Records from a data source:
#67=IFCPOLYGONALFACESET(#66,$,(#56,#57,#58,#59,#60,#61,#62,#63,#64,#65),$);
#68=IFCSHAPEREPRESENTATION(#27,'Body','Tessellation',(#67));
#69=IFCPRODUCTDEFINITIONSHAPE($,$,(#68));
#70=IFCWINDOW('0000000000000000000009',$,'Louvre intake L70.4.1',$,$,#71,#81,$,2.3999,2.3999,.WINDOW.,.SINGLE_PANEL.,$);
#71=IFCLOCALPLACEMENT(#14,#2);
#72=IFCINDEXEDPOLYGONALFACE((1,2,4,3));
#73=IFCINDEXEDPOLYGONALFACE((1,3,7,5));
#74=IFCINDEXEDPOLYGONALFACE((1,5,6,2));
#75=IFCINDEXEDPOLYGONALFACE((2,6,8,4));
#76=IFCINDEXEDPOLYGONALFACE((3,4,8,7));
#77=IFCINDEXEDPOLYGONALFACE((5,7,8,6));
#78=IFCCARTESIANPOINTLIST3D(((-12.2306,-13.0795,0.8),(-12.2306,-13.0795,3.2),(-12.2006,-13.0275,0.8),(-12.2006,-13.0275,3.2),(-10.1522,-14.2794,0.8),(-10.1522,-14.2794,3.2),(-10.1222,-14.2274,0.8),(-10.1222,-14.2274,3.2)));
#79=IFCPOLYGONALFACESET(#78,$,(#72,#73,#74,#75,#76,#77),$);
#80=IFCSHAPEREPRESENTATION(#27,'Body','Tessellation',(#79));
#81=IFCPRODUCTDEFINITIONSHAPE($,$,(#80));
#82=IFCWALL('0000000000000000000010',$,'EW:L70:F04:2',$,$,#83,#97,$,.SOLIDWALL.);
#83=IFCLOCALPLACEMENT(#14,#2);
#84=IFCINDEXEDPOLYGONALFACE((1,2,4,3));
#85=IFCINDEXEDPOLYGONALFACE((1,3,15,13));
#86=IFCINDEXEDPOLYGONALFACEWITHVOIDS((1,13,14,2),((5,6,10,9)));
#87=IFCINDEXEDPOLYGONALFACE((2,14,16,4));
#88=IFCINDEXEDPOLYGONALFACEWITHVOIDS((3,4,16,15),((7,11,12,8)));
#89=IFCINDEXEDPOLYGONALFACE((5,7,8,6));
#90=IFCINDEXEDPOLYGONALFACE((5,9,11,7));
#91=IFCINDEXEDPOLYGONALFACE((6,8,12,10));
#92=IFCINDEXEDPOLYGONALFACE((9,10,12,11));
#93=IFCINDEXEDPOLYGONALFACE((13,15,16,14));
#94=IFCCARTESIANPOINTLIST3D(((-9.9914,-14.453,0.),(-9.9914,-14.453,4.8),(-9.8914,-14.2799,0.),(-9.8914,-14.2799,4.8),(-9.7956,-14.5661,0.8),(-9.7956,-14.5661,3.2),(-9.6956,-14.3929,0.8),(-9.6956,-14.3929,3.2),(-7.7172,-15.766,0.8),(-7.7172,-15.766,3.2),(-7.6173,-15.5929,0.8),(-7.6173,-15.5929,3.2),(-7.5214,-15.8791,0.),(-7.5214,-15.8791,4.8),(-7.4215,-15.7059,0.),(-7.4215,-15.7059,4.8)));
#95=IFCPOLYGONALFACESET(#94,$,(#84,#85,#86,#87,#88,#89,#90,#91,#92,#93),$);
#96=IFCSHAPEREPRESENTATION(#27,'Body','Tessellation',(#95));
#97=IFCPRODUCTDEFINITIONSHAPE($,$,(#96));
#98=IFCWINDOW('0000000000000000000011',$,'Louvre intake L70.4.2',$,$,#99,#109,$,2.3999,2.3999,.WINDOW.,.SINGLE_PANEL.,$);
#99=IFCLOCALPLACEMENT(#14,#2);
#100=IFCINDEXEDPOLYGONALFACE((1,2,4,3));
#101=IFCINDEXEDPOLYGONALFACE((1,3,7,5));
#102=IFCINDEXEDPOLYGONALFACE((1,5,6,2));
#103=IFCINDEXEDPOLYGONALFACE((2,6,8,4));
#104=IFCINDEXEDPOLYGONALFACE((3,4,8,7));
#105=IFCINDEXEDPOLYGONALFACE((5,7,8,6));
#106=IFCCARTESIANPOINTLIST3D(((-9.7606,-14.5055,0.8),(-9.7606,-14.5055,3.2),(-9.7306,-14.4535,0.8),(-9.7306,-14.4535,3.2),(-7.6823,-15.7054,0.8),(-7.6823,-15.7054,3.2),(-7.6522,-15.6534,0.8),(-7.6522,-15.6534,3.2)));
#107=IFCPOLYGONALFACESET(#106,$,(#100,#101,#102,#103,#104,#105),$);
---
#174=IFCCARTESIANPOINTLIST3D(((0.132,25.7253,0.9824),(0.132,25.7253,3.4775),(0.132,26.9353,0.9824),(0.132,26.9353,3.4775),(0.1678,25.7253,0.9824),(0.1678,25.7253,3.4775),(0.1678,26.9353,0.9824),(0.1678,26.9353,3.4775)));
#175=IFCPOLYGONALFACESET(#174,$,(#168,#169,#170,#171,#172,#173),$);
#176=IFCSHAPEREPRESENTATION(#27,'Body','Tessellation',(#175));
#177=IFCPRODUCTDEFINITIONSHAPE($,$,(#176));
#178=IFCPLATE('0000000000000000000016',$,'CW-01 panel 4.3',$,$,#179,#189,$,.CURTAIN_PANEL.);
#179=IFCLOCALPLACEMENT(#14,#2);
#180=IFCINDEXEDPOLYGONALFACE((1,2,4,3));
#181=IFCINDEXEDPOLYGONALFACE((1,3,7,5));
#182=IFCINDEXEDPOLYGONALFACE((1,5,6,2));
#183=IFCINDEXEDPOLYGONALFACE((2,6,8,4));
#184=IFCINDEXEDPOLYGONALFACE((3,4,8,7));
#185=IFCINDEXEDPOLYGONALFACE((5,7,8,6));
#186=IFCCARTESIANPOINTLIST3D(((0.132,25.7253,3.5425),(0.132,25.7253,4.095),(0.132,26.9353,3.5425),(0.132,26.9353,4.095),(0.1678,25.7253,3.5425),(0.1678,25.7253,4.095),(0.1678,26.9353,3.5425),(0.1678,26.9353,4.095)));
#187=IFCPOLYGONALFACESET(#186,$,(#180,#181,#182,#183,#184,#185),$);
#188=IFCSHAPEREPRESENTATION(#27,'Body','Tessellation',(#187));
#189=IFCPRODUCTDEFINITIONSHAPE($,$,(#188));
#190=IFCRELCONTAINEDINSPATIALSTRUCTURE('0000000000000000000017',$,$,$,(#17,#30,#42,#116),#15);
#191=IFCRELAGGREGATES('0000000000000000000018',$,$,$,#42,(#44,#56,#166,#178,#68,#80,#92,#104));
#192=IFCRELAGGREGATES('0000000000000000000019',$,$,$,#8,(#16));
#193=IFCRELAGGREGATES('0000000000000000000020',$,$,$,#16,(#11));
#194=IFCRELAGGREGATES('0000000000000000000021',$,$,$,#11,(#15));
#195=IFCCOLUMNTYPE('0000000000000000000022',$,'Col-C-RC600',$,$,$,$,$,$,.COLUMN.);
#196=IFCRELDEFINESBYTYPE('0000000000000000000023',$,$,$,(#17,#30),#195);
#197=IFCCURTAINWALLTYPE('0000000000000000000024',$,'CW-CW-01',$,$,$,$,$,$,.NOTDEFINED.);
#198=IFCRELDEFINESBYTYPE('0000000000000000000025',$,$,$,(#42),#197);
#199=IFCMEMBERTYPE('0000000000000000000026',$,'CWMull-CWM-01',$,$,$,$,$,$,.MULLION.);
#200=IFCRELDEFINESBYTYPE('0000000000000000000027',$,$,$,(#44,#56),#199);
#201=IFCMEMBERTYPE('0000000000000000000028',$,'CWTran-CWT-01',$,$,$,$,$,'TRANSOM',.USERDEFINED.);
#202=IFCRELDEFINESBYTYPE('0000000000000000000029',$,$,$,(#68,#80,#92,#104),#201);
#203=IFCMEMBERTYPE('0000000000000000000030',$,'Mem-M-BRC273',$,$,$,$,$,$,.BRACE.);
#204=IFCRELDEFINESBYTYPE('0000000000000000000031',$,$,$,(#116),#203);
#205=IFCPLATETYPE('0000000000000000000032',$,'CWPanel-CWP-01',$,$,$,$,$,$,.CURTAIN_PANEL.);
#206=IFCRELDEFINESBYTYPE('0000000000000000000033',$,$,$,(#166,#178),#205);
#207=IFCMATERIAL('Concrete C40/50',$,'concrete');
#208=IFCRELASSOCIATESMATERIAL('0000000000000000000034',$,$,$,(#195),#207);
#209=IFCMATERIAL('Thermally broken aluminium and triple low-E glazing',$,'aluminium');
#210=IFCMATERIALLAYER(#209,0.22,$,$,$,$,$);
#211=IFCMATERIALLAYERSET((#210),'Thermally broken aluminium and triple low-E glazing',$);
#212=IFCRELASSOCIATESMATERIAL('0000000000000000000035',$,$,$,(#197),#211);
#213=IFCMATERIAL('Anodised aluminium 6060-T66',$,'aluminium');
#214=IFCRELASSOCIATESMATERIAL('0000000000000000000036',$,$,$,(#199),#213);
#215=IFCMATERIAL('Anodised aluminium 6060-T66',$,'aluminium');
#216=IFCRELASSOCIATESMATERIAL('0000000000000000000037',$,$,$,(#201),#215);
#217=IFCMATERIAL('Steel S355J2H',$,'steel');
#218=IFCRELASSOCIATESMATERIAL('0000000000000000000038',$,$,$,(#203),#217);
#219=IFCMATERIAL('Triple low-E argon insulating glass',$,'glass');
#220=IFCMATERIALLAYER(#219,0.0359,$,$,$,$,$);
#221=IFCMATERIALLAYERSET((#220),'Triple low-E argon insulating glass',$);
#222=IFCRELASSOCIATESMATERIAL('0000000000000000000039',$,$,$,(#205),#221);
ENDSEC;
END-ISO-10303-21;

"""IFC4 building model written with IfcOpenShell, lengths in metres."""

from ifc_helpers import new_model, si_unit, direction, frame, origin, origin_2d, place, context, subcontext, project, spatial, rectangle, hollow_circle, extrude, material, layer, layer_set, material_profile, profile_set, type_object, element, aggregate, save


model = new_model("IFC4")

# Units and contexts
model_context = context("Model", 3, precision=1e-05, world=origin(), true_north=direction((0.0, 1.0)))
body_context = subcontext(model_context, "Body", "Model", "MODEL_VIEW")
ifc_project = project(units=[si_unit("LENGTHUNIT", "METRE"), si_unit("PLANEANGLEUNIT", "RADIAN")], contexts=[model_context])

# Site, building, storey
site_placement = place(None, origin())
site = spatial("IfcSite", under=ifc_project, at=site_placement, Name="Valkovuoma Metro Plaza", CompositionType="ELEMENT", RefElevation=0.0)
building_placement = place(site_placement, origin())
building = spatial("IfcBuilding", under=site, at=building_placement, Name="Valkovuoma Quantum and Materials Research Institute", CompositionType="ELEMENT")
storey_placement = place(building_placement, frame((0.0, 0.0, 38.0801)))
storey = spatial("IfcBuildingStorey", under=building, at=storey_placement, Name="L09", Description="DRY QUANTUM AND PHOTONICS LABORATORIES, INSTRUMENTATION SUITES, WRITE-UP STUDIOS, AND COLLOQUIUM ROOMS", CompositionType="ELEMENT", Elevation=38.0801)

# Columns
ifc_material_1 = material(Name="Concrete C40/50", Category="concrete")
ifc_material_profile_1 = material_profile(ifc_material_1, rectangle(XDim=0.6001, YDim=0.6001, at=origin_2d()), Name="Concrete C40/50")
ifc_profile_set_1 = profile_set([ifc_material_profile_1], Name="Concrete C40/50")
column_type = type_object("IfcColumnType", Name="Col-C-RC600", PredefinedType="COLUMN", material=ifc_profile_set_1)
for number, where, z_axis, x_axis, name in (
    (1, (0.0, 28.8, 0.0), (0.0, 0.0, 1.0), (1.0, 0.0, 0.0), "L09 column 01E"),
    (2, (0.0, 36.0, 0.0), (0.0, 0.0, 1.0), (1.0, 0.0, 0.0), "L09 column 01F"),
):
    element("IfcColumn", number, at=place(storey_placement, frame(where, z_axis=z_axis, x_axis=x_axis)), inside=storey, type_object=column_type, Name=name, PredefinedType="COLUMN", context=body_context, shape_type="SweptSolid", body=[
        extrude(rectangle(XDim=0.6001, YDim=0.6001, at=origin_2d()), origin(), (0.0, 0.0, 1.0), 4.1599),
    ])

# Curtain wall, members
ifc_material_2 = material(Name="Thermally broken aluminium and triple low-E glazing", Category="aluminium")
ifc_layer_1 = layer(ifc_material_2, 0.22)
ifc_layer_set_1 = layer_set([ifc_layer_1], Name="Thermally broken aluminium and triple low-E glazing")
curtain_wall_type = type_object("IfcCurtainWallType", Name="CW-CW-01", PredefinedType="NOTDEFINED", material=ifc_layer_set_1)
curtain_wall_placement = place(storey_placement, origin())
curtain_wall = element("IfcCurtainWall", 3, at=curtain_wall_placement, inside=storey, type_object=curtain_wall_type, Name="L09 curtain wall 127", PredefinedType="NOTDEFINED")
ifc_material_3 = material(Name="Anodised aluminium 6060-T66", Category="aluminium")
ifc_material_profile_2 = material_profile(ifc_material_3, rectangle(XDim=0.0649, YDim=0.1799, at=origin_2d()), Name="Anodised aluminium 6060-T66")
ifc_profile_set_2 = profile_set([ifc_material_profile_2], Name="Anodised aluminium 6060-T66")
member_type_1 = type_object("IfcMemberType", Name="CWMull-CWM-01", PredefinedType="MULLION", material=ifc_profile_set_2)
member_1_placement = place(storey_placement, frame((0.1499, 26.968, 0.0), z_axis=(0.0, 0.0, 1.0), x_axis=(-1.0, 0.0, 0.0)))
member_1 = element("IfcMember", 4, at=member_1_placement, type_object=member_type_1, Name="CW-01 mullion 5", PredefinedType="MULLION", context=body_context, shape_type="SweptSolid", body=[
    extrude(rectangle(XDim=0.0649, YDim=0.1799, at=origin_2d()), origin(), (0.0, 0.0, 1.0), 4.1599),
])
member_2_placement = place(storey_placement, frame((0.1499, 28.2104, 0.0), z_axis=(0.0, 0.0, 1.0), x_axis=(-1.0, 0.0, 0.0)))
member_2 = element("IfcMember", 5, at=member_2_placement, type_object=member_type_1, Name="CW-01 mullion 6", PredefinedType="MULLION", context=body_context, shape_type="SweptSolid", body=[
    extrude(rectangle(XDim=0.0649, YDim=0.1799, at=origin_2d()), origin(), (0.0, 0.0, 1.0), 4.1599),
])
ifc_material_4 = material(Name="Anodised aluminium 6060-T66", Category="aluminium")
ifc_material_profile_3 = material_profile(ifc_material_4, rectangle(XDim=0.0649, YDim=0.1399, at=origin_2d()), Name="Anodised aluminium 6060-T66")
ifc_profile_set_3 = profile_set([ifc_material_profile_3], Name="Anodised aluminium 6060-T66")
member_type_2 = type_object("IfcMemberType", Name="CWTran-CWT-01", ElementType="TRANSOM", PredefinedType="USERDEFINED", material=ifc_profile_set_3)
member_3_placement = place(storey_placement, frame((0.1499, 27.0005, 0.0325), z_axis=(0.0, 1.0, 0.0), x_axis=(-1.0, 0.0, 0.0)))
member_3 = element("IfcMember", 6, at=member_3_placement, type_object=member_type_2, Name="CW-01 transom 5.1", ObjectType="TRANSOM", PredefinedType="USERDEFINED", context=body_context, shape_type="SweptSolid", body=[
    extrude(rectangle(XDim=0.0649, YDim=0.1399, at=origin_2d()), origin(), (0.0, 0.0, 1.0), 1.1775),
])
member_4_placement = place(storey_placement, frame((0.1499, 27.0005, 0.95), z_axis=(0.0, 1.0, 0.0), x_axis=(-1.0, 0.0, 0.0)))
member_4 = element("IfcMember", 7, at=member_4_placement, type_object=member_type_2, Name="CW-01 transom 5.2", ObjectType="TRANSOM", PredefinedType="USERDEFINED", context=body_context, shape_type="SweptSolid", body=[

→ **Exercise**: Copy each line containing the word "CWTran" from the data.

→ **Written solution**:
#201=IFCMEMBERTYPE('0000000000000000000028',$,'CWTran-CWT-01',$,$,$,$,$,'TRANSOM',.USERDEFINED.);
member_type_2 = type_object("IfcMemberType", Name="CWTran-CWT-01", ElementType="TRANSOM", PredefinedType="USERDEFINED", material=ifc_profile_set_3)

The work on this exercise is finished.